Segment Start: Data

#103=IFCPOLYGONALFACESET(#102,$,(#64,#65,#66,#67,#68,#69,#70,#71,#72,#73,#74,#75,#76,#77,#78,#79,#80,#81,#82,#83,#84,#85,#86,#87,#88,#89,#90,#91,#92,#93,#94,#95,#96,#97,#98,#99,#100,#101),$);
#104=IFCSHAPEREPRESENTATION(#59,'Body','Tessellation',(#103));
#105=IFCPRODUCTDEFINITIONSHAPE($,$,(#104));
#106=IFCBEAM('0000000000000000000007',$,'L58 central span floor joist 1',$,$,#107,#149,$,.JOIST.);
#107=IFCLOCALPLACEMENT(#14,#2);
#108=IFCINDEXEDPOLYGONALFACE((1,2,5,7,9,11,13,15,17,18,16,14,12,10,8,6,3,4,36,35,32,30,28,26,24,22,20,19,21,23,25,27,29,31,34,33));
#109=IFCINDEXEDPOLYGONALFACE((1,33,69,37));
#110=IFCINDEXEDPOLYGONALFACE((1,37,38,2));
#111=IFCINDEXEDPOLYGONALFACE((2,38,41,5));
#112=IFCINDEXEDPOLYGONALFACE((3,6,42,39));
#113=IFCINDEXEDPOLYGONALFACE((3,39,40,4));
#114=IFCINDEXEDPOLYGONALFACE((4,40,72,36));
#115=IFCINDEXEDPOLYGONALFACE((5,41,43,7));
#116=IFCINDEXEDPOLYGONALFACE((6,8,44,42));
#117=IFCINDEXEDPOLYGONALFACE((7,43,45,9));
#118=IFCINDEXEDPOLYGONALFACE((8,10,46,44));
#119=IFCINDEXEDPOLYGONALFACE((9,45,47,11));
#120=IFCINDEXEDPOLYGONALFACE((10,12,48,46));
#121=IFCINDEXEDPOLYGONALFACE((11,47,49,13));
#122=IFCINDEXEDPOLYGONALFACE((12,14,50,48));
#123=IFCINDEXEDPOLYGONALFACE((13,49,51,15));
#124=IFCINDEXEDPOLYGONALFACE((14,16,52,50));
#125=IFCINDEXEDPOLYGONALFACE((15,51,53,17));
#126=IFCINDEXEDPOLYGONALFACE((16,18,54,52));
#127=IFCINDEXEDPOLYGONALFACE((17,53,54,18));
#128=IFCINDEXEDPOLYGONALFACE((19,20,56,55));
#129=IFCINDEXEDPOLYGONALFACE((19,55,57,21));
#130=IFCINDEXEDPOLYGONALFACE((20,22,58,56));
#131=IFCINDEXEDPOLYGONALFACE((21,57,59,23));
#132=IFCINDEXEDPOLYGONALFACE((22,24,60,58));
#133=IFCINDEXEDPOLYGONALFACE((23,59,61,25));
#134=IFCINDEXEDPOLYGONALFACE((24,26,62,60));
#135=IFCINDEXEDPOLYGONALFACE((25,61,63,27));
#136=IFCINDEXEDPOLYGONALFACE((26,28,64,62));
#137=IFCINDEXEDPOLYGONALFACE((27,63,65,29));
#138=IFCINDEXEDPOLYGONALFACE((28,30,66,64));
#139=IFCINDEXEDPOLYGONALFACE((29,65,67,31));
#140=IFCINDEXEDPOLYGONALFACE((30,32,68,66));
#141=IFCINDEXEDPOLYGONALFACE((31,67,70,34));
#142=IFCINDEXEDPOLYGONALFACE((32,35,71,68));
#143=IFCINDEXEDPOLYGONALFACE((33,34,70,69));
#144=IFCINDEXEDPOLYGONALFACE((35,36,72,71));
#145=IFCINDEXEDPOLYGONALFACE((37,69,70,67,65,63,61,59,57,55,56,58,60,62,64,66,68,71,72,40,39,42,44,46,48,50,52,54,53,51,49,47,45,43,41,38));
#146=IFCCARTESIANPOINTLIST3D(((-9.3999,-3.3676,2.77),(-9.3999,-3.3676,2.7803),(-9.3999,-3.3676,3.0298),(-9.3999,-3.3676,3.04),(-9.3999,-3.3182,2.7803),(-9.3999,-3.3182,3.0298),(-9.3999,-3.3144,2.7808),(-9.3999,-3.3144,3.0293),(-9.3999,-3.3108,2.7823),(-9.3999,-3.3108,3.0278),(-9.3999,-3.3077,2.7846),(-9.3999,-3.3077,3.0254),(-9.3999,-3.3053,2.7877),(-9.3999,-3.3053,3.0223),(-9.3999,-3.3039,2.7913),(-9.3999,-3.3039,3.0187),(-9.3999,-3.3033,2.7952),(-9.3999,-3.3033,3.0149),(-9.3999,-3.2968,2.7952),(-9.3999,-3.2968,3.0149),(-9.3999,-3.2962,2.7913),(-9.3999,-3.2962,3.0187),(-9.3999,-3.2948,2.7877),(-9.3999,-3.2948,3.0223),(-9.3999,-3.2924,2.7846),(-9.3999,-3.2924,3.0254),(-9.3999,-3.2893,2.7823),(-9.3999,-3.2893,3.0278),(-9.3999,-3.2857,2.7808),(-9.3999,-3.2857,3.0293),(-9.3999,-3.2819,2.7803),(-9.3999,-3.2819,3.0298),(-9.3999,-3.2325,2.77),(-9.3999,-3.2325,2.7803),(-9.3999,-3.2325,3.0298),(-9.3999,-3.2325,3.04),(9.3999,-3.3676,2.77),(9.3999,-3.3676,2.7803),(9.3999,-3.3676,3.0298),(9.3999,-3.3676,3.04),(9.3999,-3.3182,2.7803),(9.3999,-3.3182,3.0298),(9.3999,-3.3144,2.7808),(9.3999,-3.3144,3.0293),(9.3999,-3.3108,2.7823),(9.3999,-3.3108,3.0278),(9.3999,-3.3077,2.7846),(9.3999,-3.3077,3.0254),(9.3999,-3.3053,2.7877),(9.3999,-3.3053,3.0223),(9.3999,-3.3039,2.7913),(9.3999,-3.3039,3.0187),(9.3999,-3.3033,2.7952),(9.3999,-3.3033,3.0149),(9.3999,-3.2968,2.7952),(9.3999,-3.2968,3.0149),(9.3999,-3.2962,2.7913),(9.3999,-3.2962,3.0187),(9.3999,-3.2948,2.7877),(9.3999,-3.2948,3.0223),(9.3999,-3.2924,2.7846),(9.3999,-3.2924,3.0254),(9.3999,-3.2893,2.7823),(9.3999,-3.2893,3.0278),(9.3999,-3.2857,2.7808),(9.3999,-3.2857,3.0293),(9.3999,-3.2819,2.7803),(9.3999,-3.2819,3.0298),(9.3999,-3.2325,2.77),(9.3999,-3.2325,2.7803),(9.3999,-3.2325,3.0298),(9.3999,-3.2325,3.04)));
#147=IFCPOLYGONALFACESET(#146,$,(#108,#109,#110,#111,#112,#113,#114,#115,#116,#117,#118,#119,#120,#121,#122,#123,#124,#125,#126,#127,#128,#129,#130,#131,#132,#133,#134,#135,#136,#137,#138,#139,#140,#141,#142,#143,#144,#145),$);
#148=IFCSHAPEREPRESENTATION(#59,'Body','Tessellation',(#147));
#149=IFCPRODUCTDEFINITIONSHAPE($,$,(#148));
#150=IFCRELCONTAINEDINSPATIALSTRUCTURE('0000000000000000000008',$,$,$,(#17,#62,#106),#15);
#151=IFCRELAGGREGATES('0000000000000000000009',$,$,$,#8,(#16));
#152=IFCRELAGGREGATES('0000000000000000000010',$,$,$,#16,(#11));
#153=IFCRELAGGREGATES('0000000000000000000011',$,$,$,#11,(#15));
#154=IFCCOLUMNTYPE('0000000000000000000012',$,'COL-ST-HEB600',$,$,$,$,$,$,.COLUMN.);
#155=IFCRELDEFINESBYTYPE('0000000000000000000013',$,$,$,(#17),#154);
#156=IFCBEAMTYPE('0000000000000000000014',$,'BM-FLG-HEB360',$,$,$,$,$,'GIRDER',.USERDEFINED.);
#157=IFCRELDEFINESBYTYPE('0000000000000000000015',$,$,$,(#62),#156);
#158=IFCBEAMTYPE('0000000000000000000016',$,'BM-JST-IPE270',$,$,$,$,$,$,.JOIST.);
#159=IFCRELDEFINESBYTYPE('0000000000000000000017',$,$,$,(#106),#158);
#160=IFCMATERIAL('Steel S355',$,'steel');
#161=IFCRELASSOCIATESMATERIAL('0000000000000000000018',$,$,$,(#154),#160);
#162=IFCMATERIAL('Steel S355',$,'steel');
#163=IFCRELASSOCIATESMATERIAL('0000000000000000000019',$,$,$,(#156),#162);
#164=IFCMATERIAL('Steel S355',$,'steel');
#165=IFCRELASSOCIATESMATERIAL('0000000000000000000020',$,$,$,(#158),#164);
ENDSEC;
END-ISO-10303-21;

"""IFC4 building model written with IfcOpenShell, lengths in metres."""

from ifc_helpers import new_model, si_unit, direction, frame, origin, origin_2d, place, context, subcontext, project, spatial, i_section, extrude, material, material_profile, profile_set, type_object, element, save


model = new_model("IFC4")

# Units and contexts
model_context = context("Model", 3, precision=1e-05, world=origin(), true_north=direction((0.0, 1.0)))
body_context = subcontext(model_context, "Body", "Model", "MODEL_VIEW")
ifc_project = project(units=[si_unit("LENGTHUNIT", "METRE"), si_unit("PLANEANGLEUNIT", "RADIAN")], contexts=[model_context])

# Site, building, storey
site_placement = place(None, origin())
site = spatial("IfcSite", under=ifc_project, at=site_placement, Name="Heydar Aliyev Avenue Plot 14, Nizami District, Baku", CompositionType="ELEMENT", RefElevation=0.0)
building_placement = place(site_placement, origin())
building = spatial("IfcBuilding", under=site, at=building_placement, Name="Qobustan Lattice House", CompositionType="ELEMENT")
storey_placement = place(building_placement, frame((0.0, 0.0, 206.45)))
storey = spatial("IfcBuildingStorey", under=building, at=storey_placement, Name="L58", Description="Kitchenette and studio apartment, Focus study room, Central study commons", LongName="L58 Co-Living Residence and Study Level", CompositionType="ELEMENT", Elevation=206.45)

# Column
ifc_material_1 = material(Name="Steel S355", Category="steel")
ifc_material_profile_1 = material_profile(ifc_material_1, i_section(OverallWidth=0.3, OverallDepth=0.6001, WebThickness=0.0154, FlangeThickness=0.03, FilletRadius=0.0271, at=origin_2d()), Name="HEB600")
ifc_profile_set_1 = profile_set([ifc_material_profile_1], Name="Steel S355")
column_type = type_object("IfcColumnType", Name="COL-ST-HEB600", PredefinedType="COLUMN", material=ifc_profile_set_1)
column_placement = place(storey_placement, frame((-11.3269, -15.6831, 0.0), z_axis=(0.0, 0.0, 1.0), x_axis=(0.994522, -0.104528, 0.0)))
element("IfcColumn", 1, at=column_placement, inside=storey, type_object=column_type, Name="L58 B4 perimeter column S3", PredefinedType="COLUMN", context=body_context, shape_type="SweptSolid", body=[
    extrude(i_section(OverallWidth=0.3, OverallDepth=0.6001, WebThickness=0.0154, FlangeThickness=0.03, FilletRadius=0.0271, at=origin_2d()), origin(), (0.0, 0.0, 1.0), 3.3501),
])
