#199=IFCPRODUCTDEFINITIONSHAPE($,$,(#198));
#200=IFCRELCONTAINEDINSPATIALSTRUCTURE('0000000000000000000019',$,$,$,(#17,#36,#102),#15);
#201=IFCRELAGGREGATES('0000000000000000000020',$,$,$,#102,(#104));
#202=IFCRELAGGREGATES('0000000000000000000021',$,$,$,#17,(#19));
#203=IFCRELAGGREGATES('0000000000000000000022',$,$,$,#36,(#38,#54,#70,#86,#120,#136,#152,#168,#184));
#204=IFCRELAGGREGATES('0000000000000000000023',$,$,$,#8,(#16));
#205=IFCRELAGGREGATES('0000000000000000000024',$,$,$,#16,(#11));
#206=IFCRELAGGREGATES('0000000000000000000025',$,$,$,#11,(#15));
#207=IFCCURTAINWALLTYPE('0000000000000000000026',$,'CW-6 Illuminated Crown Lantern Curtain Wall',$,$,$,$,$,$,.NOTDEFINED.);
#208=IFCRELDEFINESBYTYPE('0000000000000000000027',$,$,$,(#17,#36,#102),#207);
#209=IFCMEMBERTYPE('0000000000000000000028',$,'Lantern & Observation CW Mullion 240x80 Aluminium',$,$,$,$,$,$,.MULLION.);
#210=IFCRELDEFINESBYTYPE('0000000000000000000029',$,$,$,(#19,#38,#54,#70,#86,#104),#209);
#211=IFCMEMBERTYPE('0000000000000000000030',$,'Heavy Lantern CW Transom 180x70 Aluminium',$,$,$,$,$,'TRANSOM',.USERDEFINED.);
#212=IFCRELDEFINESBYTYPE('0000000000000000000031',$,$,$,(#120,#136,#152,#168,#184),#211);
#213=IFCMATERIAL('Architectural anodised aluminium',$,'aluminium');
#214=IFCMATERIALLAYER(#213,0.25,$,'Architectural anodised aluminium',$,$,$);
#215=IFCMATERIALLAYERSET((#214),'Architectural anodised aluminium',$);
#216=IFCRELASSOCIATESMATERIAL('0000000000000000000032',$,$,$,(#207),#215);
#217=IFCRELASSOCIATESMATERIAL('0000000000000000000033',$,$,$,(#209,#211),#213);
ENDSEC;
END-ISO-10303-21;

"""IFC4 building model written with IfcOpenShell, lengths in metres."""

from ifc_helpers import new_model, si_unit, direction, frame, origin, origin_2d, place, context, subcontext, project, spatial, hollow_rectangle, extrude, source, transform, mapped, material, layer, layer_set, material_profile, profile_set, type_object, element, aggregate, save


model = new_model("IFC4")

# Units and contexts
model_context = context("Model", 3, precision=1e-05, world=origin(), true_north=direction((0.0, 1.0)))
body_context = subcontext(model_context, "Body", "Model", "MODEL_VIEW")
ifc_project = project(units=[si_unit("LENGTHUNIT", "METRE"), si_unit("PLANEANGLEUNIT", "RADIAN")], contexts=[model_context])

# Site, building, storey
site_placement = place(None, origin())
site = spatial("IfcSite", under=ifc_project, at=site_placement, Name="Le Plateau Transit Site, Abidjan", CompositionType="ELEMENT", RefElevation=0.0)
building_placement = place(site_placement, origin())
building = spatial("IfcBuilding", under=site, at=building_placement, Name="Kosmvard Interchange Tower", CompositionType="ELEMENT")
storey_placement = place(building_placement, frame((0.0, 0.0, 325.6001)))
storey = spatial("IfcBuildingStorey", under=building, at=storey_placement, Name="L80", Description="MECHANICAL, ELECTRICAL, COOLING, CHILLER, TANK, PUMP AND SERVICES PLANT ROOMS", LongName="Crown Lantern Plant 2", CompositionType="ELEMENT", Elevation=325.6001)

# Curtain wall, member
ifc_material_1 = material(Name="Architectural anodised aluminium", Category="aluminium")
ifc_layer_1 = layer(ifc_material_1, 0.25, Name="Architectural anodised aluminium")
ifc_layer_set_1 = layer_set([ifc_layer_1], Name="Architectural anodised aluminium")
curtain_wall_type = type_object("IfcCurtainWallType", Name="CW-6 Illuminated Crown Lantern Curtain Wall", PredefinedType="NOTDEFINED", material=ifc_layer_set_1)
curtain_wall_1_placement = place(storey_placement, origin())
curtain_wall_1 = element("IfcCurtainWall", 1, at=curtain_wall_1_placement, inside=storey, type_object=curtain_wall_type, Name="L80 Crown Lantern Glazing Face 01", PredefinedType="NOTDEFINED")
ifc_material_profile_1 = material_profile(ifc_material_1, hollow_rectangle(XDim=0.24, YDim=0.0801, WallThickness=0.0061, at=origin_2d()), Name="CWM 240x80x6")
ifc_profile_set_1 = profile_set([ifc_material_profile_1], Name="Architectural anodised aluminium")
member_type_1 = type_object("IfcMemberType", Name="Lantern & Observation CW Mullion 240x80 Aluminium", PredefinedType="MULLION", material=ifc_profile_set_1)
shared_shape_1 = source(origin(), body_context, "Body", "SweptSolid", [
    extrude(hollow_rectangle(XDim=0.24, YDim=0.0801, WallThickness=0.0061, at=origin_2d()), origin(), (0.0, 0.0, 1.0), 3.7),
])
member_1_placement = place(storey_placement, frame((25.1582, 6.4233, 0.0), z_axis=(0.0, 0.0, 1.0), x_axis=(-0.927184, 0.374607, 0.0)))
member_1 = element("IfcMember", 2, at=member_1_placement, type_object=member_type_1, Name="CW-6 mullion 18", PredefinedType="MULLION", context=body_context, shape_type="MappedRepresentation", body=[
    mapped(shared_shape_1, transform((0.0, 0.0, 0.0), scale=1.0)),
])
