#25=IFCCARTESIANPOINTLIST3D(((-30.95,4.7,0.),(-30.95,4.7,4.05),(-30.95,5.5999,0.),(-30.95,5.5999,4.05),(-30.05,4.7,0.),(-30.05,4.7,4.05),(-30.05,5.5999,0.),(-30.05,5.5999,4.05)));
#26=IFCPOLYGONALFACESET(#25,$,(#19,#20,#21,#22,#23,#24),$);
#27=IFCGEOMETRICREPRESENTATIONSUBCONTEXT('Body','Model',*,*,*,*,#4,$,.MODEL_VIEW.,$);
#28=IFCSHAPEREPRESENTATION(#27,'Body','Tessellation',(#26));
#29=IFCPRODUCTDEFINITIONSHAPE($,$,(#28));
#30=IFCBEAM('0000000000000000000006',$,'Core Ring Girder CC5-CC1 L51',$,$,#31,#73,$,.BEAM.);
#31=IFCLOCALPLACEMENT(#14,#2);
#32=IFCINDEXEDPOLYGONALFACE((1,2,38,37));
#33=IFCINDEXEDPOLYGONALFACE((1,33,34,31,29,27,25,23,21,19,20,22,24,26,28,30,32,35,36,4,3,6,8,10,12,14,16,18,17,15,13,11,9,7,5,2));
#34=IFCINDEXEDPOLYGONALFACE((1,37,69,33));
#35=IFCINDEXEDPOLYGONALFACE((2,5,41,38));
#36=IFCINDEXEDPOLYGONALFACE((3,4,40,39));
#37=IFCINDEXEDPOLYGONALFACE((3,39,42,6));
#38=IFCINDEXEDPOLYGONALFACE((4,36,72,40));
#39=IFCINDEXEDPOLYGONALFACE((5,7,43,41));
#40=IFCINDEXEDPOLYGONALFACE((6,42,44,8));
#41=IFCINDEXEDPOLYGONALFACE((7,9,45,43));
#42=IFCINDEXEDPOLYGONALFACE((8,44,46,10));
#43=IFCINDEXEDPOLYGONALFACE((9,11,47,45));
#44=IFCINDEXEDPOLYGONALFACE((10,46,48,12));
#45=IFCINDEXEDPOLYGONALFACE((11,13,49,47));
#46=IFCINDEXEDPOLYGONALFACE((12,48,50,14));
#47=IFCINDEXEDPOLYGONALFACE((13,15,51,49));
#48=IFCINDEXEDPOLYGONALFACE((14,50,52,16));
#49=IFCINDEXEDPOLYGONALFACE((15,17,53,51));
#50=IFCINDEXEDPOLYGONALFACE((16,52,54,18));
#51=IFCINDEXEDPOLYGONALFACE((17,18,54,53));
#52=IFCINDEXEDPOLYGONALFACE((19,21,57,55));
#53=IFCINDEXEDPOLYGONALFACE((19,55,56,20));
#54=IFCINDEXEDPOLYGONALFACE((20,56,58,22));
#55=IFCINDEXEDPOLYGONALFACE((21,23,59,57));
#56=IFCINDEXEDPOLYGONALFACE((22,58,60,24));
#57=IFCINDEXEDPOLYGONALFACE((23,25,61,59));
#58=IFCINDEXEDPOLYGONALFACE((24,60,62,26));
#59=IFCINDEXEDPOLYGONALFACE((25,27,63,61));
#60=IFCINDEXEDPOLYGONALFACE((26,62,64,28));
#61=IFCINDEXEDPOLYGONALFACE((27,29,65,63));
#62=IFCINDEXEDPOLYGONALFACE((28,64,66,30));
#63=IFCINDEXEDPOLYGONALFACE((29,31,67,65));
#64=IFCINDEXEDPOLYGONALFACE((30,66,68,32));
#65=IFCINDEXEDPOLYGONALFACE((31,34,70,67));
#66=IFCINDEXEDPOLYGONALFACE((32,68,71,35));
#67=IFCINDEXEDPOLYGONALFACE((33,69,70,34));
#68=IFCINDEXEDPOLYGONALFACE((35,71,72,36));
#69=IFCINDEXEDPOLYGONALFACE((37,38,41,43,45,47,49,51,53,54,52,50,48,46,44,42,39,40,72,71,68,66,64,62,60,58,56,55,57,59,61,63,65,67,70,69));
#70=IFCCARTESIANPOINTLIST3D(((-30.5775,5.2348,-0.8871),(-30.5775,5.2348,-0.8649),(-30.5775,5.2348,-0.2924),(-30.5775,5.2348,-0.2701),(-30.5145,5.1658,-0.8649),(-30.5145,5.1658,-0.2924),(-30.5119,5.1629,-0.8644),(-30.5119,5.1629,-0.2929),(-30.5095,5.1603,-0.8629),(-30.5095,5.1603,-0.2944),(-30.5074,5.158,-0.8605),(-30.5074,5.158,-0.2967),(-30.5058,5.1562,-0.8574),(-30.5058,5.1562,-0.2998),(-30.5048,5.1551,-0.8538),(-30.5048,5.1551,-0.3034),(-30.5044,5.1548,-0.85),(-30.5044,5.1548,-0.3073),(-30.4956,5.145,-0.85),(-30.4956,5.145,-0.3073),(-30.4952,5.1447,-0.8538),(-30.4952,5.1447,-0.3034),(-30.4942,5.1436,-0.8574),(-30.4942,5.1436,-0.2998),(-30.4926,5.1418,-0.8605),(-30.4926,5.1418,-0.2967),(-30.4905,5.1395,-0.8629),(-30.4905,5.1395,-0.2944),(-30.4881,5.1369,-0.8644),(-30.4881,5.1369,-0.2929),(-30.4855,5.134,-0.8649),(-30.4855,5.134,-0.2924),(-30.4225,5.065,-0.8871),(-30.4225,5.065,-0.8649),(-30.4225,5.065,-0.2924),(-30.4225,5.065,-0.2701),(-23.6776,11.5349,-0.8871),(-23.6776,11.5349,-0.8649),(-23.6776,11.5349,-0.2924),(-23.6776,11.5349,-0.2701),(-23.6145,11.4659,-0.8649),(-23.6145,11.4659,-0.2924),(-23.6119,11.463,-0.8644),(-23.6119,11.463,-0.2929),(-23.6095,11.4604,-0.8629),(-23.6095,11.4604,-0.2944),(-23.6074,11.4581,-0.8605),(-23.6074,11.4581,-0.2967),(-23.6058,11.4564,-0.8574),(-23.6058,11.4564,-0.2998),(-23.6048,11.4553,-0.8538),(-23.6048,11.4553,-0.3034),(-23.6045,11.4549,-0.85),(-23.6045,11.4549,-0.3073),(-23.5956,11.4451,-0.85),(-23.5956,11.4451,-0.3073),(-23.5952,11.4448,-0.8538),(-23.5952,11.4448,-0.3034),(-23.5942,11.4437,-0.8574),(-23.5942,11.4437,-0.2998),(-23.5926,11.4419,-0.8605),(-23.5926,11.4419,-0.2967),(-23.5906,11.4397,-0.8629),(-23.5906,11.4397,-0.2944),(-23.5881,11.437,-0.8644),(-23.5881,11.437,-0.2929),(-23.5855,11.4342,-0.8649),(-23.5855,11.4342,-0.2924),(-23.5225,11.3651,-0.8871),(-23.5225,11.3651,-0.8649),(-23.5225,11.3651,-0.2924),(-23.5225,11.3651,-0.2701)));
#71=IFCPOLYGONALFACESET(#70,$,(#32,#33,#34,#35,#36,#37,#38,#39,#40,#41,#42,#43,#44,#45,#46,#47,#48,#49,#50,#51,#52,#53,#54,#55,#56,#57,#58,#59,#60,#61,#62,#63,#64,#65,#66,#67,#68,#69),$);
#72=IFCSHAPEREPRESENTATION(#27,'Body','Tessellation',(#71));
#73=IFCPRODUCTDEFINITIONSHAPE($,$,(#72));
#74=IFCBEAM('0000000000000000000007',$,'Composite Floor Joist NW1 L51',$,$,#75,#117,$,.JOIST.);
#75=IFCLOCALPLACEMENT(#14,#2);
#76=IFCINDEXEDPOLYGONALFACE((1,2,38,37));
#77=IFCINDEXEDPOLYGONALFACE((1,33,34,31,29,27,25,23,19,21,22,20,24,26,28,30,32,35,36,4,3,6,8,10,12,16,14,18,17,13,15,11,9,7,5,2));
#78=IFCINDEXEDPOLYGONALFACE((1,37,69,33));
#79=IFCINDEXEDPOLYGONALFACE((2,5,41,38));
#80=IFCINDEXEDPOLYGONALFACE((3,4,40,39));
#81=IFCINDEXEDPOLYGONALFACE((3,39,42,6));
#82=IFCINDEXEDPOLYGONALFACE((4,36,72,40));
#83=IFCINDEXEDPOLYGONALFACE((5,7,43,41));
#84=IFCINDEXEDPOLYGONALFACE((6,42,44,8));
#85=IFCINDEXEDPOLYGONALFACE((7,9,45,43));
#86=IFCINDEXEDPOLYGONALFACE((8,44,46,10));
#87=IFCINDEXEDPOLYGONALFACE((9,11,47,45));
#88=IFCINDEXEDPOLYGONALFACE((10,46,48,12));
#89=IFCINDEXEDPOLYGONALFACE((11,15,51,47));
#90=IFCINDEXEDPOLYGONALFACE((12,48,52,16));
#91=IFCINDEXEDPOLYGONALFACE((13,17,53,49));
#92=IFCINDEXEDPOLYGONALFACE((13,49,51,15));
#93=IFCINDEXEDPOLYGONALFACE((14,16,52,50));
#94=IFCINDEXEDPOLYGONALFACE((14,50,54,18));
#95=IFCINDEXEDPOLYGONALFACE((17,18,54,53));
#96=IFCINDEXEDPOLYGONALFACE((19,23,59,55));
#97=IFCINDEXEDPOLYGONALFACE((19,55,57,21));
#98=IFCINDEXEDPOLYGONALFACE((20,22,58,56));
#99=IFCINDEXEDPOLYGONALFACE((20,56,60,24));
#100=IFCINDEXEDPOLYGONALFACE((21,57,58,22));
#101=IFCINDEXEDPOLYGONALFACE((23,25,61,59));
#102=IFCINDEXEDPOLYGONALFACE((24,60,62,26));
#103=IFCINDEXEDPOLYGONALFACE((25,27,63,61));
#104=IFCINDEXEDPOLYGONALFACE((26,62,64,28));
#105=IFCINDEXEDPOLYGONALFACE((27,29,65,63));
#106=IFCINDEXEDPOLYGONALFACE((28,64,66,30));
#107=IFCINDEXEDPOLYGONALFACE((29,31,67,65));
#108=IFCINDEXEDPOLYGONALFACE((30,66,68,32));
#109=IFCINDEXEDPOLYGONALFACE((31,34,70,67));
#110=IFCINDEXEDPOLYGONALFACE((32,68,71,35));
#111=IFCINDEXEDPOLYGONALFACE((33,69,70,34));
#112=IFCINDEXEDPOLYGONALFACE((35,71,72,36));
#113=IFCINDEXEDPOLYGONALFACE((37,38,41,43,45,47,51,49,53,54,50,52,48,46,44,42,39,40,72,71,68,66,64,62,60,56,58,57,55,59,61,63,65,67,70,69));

Segment End: Data

● To do: Once you find the line with "#84=IFCINDEXEDPOLYGONALFACE((6,42,44,8));" above, print it and every line after it up to and including the line with "#90=IFCINDEXEDPOLYGONALFACE((12,48,52,16));", exactly as written and nothing else.

● Final answer:
#84=IFCINDEXEDPOLYGONALFACE((6,42,44,8));
#85=IFCINDEXEDPOLYGONALFACE((7,9,45,43));
#86=IFCINDEXEDPOLYGONALFACE((8,44,46,10));
#87=IFCINDEXEDPOLYGONALFACE((9,11,47,45));
#88=IFCINDEXEDPOLYGONALFACE((10,46,48,12));
#89=IFCINDEXEDPOLYGONALFACE((11,15,51,47));
#90=IFCINDEXEDPOLYGONALFACE((12,48,52,16));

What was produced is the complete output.